### THE DATA:
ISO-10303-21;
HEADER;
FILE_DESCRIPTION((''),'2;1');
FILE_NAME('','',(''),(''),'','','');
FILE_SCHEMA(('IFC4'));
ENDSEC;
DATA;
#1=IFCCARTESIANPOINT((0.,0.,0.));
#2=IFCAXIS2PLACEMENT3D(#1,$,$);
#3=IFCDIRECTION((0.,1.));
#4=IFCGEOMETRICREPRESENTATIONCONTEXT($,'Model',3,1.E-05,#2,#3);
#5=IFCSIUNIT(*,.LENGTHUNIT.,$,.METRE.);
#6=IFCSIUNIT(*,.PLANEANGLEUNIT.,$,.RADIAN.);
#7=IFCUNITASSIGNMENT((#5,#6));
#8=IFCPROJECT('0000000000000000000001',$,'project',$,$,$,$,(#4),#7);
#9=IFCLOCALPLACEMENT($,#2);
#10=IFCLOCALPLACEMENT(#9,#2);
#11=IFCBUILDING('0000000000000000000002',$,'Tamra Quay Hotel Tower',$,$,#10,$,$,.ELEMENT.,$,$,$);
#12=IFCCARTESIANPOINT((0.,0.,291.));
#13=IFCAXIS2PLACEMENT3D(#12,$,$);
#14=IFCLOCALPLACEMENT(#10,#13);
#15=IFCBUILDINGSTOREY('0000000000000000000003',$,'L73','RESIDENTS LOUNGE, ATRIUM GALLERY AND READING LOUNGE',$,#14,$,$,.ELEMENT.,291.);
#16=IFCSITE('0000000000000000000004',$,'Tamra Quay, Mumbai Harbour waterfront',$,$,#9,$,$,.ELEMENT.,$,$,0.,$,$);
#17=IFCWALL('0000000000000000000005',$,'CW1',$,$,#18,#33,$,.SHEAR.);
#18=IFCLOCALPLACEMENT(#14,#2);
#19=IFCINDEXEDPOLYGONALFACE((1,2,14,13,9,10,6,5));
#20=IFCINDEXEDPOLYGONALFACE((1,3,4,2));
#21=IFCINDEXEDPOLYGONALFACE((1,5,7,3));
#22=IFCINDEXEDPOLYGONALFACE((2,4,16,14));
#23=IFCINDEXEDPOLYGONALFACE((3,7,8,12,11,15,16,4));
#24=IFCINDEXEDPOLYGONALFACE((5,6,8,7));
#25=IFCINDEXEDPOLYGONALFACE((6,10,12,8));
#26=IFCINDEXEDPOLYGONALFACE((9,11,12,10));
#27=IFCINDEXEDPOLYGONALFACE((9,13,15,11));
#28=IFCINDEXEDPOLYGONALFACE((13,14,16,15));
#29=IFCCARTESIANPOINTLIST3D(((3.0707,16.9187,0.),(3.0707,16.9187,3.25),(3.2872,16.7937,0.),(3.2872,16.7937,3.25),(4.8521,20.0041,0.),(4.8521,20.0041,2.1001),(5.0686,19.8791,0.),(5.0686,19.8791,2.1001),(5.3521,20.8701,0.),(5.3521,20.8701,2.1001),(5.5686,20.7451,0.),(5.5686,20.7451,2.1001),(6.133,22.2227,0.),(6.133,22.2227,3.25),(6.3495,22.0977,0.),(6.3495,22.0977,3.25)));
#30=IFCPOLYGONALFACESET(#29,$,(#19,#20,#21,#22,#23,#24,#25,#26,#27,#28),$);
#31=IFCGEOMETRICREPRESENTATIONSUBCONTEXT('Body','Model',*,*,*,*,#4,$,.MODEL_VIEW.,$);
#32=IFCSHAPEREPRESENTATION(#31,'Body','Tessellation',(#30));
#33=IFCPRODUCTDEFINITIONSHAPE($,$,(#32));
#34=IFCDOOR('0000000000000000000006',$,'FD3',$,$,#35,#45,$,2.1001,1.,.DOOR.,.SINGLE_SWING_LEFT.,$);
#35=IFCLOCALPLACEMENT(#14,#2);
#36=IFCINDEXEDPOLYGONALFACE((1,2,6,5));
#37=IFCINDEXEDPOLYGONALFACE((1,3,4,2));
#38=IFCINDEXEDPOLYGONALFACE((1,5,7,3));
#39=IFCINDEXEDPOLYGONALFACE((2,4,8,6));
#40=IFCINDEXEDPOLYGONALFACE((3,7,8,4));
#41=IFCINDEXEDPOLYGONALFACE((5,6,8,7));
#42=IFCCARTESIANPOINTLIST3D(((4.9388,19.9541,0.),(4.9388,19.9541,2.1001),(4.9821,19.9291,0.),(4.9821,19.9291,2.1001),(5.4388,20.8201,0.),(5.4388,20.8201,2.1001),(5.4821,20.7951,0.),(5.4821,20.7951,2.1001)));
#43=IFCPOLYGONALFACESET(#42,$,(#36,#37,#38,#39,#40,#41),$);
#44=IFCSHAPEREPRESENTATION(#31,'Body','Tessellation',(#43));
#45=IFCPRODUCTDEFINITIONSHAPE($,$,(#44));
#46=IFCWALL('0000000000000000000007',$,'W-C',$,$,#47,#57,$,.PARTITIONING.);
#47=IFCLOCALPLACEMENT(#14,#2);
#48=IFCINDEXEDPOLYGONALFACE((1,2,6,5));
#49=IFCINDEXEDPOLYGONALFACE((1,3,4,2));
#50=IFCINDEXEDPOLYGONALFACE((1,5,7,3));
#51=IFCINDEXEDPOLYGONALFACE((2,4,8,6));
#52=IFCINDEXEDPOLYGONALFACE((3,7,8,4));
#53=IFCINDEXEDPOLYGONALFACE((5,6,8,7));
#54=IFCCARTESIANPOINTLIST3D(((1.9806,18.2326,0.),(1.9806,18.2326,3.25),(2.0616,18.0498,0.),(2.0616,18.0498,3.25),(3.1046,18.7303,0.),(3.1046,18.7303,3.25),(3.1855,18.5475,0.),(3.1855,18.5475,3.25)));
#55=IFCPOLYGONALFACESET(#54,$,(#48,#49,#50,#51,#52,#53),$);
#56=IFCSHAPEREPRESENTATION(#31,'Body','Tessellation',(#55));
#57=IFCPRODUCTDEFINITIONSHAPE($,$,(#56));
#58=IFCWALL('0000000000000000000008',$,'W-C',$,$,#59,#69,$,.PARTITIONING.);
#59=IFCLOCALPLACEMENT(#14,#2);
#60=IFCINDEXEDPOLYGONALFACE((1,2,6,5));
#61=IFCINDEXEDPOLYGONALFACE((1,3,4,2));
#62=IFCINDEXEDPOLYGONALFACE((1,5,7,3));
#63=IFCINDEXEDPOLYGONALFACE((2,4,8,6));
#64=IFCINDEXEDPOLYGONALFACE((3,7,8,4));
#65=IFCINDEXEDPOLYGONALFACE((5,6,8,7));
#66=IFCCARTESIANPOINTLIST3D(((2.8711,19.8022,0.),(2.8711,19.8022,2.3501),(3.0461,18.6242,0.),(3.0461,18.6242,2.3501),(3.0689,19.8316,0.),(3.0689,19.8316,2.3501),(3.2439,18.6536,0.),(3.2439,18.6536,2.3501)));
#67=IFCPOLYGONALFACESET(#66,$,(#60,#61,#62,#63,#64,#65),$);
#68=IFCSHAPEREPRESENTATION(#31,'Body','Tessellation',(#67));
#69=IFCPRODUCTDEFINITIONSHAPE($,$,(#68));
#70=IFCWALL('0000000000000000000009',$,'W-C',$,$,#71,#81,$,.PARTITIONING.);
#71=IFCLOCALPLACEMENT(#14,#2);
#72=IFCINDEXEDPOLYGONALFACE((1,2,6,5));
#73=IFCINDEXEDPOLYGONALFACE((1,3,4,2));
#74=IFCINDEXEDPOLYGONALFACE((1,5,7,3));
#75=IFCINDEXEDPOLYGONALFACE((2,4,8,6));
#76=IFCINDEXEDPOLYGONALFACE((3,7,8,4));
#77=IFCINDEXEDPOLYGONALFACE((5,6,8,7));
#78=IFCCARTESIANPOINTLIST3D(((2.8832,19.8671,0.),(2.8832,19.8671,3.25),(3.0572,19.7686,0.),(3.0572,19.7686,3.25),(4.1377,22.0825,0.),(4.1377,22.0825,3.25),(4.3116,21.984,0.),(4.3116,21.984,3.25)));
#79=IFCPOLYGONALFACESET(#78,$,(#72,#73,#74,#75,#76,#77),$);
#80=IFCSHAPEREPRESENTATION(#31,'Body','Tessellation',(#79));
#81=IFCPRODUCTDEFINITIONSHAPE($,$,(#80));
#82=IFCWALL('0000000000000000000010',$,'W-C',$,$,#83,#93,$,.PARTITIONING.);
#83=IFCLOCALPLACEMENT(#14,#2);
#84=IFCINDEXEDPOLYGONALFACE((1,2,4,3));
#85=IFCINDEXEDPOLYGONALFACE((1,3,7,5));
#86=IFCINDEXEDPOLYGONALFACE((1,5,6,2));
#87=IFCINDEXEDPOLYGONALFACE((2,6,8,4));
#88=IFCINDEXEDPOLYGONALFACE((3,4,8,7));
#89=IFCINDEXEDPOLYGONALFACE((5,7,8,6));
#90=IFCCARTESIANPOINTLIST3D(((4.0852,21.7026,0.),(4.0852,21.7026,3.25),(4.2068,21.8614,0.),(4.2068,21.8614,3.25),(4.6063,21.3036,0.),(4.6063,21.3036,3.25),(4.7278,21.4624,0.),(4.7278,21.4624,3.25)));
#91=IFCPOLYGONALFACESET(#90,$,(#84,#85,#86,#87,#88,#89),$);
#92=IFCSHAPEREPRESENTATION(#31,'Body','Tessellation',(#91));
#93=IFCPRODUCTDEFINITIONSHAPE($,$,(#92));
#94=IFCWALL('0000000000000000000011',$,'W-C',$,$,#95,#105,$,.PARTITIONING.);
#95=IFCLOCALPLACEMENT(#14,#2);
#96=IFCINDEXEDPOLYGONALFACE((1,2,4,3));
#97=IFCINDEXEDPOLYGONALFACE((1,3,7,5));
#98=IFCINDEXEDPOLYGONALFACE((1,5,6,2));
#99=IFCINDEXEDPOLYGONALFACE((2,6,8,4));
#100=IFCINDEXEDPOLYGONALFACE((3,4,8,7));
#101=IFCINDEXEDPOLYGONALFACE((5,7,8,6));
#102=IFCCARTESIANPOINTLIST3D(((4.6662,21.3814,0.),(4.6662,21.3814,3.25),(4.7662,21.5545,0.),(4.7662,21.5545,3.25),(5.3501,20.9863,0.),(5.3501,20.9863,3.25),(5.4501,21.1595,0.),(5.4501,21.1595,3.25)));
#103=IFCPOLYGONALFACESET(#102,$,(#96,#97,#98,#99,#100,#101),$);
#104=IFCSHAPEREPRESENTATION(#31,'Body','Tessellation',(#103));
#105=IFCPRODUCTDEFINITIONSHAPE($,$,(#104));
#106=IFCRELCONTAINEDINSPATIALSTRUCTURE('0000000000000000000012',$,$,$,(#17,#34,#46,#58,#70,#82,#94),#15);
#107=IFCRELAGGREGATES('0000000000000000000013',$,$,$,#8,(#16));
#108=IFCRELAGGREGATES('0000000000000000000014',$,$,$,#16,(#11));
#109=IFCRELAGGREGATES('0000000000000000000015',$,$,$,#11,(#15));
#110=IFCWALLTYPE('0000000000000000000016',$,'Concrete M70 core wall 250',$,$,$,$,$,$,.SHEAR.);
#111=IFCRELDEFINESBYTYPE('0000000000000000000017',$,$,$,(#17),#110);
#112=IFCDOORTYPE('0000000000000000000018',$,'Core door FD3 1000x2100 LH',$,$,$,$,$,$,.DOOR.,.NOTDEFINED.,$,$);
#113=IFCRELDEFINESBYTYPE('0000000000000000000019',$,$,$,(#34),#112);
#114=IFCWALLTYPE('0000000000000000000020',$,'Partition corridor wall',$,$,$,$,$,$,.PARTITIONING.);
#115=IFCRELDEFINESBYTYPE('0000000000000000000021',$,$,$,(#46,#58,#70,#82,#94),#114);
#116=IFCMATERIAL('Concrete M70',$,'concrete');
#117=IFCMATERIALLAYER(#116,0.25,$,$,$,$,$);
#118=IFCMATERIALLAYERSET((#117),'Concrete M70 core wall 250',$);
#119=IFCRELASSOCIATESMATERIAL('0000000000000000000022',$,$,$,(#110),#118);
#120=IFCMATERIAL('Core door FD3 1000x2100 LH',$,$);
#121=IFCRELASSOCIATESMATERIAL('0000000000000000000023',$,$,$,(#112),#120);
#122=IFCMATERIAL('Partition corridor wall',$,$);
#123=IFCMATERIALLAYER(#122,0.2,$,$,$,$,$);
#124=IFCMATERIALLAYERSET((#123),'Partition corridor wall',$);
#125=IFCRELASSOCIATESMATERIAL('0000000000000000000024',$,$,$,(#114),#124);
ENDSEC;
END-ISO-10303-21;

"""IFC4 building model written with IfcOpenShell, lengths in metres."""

from ifc_helpers import new_model, si_unit, direction, frame, frame_2d, origin, place, context, subcontext, project, spatial, rectangle, extrude, material, layer, layer_set, type_object, element, fill, save


model = new_model("IFC4")

# Units and contexts
model_context = context("Model", 3, precision=1e-05, world=origin(), true_north=direction((0.0, 1.0)))
body_context = subcontext(model_context, "Body", "Model", "MODEL_VIEW")
ifc_project = project(units=[si_unit("LENGTHUNIT", "METRE"), si_unit("PLANEANGLEUNIT", "RADIAN")], contexts=[model_context])

# Site, building, storey
site_placement = place(None, origin())
site = spatial("IfcSite", under=ifc_project, at=site_placement, Name="Tamra Quay, Mumbai Harbour waterfront", CompositionType="ELEMENT", RefElevation=0.0)
building_placement = place(site_placement, origin())
building = spatial("IfcBuilding", under=site, at=building_placement, Name="Tamra Quay Hotel Tower", CompositionType="ELEMENT")
storey_placement = place(building_placement, frame((0.0, 0.0, 291.0)))
storey = spatial("IfcBuildingStorey", under=building, at=storey_placement, Name="L73", Description="RESIDENTS LOUNGE, ATRIUM GALLERY AND READING LOUNGE", CompositionType="ELEMENT", Elevation=291.0)

# Shared definitions
ifc_material_1 = material(Name="Concrete M70", Category="concrete")

# Shared definitions
ifc_layer_1 = layer(ifc_material_1, 0.25)
ifc_layer_set_1 = layer_set([ifc_layer_1], Name="Concrete M70 core wall 250")
wall_type_1 = type_object("IfcWallType", Name="Concrete M70 core wall 250", PredefinedType="SHEAR", material=ifc_layer_set_1)

# Wall, opening, door
wall_1_placement = place(storey_placement, frame((3.179, 16.8562, 0.0), z_axis=(0.0, 0.0, 1.0), x_axis=(0.500002, 0.866024, 0.0)))
wall_1 = element("IfcWall", 1, at=wall_1_placement, inside=storey, type_object=wall_type_1, Name="CW1", PredefinedType="SHEAR", context=body_context, shape_type="SweptSolid", body=[
    extrude(rectangle(XDim=6.1245, YDim=0.25, at=frame_2d((3.0623, 0.0))), origin(), (0.0, 0.0, 1.0), 3.25),
])
opening_1_placement = place(wall_1_placement, frame((3.5627, 0.0, 0.0)))
opening_1 = element("IfcOpeningElement", 2, at=opening_1_placement, cuts=wall_1, PredefinedType="OPENING", context=body_context, shape_type="SweptSolid", body=[
    extrude(rectangle(XDim=1.0, YDim=2.1001, at=frame_2d((0.5, 1.05))), frame((0.0, 0.135, 0.0), z_axis=(0.0, -1.0, 0.0), x_axis=(1.0, 0.0, 0.0)), (0.0, 0.0, 1.0), 0.27),
])
ifc_material_2 = material(Name="Core door FD3 1000x2100 LH")
door_type_1 = type_object("IfcDoorType", Name="Core door FD3 1000x2100 LH", OperationType="NOTDEFINED", PredefinedType="DOOR", material=ifc_material_2)
door_1_placement = place(opening_1_placement, origin())
door_1 = element("IfcDoor", 3, at=door_1_placement, inside=storey, type_object=door_type_1, Name="FD3", OperationType="SINGLE_SWING_LEFT", OverallHeight=2.1001, OverallWidth=1.0, PredefinedType="DOOR", context=body_context, shape_type="SweptSolid", body=[
    extrude(rectangle(XDim=1.0, YDim=2.1001, at=frame_2d((0.5, 1.05))), frame((0.0, 0.0249, 0.0), z_axis=(0.0, -1.0, 0.0), x_axis=(1.0, 0.0, 0.0)), (0.0, 0.0, 1.0), 0.05),
])
fill(opening_1, door_1)

# Walls
ifc_material_3 = material(Name="Partition corridor wall")
ifc_layer_2 = layer(ifc_material_3, 0.2)
ifc_layer_set_2 = layer_set([ifc_layer_2], Name="Partition corridor wall")
wall_type_2 = type_object("IfcWallType", Name="Partition corridor wall", PredefinedType="PARTITIONING", material=ifc_layer_set_2)
wall_2_placement = place(storey_placement, frame((2.021, 18.1411, 0.0), z_axis=(0.0, 0.0, 1.0), x_axis=(0.914343, 0.40494, 0.0)))
element("IfcWall", 4, at=wall_2_placement, inside=storey, type_object=wall_type_2, Name="W-C", PredefinedType="PARTITIONING", context=body_context, shape_type="SweptSolid", body=[
    extrude(rectangle(XDim=1.2292, YDim=0.2, at=frame_2d((0.6147, 0.0))), origin(), (0.0, 0.0, 1.0), 3.25),
])
wall_3_placement = place(storey_placement, frame((2.97, 19.8169, 0.0), z_axis=(0.0, 0.0, 1.0), x_axis=(0.146987, -0.989138, 0.0)))
element("IfcWall", 5, at=wall_3_placement, inside=storey, type_object=wall_type_2, Name="W-C", PredefinedType="PARTITIONING", context=body_context, shape_type="SweptSolid", body=[
    extrude(rectangle(XDim=1.1909, YDim=0.2, at=frame_2d((0.5955, 0.0))), origin(), (0.0, 0.0, 1.0), 2.3501),
])
wall_4_placement = place(storey_placement, frame((2.9702, 19.8179, 0.0), z_axis=(0.0, 0.0, 1.0), x_axis=(0.492727, 0.870184, 0.0)))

### TASK TO COMPLETE:
Within the listing above, the range opens at the line with "#67=IFCPOLYGONALFACESET(#66,$,(#60,#61,#62,#63,#64,#65),$);" and closes at the line with "#92=IFCSHAPEREPRESENTATION(#31,'Body','Tessellation',(#91));". Reproduce exactly the lines of that range, including both ends.

### TASK OUTPUT:
#67=IFCPOLYGONALFACESET(#66,$,(#60,#61,#62,#63,#64,#65),$);
#68=IFCSHAPEREPRESENTATION(#31,'Body','Tessellation',(#67));
#69=IFCPRODUCTDEFINITIONSHAPE($,$,(#68));
#70=IFCWALL('0000000000000000000009',$,'W-C',$,$,#71,#81,$,.PARTITIONING.);
#71=IFCLOCALPLACEMENT(#14,#2);
#72=IFCINDEXEDPOLYGONALFACE((1,2,6,5));
#73=IFCINDEXEDPOLYGONALFACE((1,3,4,2));
#74=IFCINDEXEDPOLYGONALFACE((1,5,7,3));
#75=IFCINDEXEDPOLYGONALFACE((2,4,8,6));
#76=IFCINDEXEDPOLYGONALFACE((3,7,8,4));
#77=IFCINDEXEDPOLYGONALFACE((5,6,8,7));
#78=IFCCARTESIANPOINTLIST3D(((2.8832,19.8671,0.),(2.8832,19.8671,3.25),(3.0572,19.7686,0.),(3.0572,19.7686,3.25),(4.1377,22.0825,0.),(4.1377,22.0825,3.25),(4.3116,21.984,0.),(4.3116,21.984,3.25)));
#79=IFCPOLYGONALFACESET(#78,$,(#72,#73,#74,#75,#76,#77),$);
#80=IFCSHAPEREPRESENTATION(#31,'Body','Tessellation',(#79));
#81=IFCPRODUCTDEFINITIONSHAPE($,$,(#80));
#82=IFCWALL('0000000000000000000010',$,'W-C',$,$,#83,#93,$,.PARTITIONING.);
#83=IFCLOCALPLACEMENT(#14,#2);
#84=IFCINDEXEDPOLYGONALFACE((1,2,4,3));
#85=IFCINDEXEDPOLYGONALFACE((1,3,7,5));
#86=IFCINDEXEDPOLYGONALFACE((1,5,6,2));
#87=IFCINDEXEDPOLYGONALFACE((2,6,8,4));
#88=IFCINDEXEDPOLYGONALFACE((3,4,8,7));
#89=IFCINDEXEDPOLYGONALFACE((5,7,8,6));
#90=IFCCARTESIANPOINTLIST3D(((4.0852,21.7026,0.),(4.0852,21.7026,3.25),(4.2068,21.8614,0.),(4.2068,21.8614,3.25),(4.6063,21.3036,0.),(4.6063,21.3036,3.25),(4.7278,21.4624,0.),(4.7278,21.4624,3.25)));
#91=IFCPOLYGONALFACESET(#90,$,(#84,#85,#86,#87,#88,#89),$);
#92=IFCSHAPEREPRESENTATION(#31,'Body','Tessellation',(#91));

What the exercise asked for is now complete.